(Saved data entries)
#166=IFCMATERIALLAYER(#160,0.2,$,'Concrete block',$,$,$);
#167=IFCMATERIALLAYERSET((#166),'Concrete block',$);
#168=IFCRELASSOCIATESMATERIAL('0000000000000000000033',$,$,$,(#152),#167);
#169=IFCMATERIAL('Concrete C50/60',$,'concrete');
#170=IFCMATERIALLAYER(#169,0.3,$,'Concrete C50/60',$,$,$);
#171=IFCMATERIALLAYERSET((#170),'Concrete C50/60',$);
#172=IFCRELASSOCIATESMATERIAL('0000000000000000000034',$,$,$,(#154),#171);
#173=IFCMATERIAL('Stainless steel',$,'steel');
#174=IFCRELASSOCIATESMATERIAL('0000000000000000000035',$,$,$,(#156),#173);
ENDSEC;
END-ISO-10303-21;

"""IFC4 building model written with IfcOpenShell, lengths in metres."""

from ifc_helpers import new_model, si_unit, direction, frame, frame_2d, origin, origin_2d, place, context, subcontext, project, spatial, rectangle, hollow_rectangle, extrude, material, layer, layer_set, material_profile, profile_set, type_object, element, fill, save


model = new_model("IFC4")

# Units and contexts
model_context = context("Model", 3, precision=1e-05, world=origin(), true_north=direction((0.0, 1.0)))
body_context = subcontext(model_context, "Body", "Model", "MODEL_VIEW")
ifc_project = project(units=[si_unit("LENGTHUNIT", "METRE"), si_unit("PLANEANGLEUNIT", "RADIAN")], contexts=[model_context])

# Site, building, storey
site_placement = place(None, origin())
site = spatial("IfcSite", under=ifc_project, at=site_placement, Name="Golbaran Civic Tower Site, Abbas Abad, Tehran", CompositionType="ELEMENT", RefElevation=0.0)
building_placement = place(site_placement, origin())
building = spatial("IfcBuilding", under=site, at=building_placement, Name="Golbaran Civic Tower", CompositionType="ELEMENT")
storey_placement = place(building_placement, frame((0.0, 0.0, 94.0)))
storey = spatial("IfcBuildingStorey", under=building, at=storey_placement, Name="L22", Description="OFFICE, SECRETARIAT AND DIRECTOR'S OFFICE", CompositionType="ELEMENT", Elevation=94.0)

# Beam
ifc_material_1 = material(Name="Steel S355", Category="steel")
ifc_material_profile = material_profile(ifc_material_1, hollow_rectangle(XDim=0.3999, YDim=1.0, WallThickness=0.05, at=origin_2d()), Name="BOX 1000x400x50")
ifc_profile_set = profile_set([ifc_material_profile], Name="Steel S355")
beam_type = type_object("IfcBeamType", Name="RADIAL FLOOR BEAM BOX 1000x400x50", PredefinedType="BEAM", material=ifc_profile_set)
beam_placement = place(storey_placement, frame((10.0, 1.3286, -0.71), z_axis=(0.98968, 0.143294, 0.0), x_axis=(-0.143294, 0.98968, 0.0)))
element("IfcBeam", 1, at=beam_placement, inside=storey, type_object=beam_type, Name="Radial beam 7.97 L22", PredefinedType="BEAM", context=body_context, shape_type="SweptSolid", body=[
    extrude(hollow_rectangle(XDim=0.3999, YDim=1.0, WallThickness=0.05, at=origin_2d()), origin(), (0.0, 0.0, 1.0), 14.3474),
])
==
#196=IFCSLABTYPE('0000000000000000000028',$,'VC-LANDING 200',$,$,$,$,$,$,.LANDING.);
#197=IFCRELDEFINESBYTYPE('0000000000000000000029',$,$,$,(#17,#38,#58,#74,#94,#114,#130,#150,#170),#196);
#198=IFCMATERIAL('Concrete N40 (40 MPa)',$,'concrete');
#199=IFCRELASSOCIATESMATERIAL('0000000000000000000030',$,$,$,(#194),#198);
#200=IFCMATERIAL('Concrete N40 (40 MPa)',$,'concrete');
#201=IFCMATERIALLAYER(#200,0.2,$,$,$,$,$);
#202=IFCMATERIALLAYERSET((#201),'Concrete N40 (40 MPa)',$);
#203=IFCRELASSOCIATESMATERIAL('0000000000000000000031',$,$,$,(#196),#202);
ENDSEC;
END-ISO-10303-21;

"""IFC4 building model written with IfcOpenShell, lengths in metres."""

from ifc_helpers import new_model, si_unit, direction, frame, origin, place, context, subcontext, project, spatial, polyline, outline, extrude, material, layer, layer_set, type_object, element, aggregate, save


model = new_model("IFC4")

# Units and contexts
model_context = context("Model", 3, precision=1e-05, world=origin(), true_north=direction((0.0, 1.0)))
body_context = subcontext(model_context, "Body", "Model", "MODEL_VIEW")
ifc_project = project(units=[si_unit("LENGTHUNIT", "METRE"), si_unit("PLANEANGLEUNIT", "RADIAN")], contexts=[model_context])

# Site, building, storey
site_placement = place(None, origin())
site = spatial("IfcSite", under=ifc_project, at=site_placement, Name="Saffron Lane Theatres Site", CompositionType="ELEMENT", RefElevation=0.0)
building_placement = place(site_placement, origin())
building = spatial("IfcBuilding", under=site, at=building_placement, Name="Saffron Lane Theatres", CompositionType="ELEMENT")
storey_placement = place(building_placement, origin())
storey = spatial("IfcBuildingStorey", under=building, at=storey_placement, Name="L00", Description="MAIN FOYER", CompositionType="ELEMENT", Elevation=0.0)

* _Work to be completed_
State the number of lines in the data that include the string "XDim", and add nothing else.

* _Result of this exercise_
2